From the entries underneath, give the number of lines holding the word "SHEAR", without any other words.

++++ DATA TO USE ++++

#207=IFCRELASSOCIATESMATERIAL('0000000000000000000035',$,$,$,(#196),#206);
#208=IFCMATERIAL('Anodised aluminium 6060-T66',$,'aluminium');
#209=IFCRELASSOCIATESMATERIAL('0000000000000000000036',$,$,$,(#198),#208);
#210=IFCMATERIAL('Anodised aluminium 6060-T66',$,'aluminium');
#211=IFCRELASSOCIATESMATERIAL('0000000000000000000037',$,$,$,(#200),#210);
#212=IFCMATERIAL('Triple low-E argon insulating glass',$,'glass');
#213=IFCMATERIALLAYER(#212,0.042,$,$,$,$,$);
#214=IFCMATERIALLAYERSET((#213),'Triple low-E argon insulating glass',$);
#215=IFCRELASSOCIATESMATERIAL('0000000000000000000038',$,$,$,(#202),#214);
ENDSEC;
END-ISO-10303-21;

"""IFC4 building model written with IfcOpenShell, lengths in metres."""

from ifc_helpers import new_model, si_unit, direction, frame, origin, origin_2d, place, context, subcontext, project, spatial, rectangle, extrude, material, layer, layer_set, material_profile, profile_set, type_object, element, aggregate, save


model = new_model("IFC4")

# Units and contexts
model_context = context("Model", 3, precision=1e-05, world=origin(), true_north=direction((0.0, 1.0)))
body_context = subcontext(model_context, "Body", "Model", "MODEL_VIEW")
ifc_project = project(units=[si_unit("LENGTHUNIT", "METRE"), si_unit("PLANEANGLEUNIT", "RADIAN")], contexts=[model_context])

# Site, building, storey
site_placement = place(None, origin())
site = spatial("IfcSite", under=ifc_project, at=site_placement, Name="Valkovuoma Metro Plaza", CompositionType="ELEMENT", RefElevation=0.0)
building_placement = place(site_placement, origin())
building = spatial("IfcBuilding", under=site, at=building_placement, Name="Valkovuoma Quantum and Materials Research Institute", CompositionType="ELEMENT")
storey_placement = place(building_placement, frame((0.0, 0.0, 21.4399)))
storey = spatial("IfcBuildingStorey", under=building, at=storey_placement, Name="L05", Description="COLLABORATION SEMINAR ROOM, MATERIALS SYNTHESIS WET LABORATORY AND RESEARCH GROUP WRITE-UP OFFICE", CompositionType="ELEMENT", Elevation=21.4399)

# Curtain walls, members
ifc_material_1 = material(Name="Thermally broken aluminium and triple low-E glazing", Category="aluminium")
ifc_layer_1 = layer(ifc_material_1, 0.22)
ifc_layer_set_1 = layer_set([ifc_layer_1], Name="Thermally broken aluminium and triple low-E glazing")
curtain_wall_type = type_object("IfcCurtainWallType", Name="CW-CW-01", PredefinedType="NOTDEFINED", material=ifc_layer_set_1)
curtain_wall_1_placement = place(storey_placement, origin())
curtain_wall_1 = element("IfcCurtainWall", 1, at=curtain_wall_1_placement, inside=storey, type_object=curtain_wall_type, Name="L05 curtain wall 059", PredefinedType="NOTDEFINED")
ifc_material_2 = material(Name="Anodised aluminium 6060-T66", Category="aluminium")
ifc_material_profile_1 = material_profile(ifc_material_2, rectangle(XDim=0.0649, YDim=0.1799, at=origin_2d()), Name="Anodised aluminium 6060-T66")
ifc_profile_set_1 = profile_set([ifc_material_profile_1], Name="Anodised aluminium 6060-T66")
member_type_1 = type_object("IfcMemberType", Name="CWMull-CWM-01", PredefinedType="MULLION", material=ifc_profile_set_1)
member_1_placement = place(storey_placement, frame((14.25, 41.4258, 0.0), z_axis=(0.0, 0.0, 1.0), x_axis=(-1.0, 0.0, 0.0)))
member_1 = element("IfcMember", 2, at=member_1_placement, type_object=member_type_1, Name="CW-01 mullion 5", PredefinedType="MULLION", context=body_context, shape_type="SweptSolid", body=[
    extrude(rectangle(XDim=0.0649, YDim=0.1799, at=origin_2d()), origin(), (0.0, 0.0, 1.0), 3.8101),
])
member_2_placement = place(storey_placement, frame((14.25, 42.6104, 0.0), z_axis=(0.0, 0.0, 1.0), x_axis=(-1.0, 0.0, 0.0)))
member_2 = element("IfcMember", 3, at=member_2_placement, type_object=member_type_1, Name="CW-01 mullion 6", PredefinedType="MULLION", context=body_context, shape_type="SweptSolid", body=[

++++
++++ DATA TO USE ++++

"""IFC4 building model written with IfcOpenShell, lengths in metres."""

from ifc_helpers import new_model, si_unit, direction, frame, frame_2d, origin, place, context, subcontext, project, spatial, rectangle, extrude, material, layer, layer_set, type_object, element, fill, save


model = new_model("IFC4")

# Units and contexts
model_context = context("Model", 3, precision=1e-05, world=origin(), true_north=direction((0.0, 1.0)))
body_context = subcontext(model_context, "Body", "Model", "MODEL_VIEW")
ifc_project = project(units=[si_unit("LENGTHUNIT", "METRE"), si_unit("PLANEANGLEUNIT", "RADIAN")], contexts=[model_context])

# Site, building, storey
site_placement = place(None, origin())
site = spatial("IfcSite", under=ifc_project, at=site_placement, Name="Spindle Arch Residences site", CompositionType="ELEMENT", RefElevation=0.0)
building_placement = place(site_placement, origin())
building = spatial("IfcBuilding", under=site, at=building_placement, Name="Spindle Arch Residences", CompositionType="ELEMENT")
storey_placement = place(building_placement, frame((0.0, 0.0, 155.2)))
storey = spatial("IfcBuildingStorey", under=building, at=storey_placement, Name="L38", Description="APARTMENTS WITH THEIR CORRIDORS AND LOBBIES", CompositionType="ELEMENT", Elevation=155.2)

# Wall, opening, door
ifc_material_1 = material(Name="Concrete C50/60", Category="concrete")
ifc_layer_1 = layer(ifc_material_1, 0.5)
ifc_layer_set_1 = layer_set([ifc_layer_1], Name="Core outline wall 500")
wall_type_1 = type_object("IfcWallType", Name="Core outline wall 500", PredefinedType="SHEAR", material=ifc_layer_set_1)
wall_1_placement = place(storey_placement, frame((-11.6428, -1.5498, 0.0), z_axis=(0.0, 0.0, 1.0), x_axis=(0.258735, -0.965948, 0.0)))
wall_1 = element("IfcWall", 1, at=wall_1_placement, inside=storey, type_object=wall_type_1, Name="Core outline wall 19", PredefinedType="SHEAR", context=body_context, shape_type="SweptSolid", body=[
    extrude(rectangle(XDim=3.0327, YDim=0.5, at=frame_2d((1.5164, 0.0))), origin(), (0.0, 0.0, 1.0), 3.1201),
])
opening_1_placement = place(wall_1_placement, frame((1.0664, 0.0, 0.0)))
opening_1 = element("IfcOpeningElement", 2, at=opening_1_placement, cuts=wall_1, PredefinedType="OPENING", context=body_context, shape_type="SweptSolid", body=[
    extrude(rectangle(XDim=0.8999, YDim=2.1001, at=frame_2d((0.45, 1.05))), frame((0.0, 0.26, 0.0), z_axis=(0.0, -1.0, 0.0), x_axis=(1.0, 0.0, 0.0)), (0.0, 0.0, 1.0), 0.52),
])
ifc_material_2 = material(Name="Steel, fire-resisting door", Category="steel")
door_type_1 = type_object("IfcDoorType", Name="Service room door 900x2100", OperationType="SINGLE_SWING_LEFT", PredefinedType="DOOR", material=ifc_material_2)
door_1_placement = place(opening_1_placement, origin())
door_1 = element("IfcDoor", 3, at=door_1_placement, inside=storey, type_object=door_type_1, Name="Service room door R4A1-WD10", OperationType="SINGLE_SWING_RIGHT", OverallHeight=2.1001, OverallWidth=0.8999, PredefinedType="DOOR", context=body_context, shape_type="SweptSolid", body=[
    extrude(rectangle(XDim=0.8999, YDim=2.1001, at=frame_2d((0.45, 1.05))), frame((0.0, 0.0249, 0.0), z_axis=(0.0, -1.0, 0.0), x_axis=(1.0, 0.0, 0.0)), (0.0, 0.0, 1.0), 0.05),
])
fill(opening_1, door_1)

++++

▶ _EXERCISE RESPONSE_
2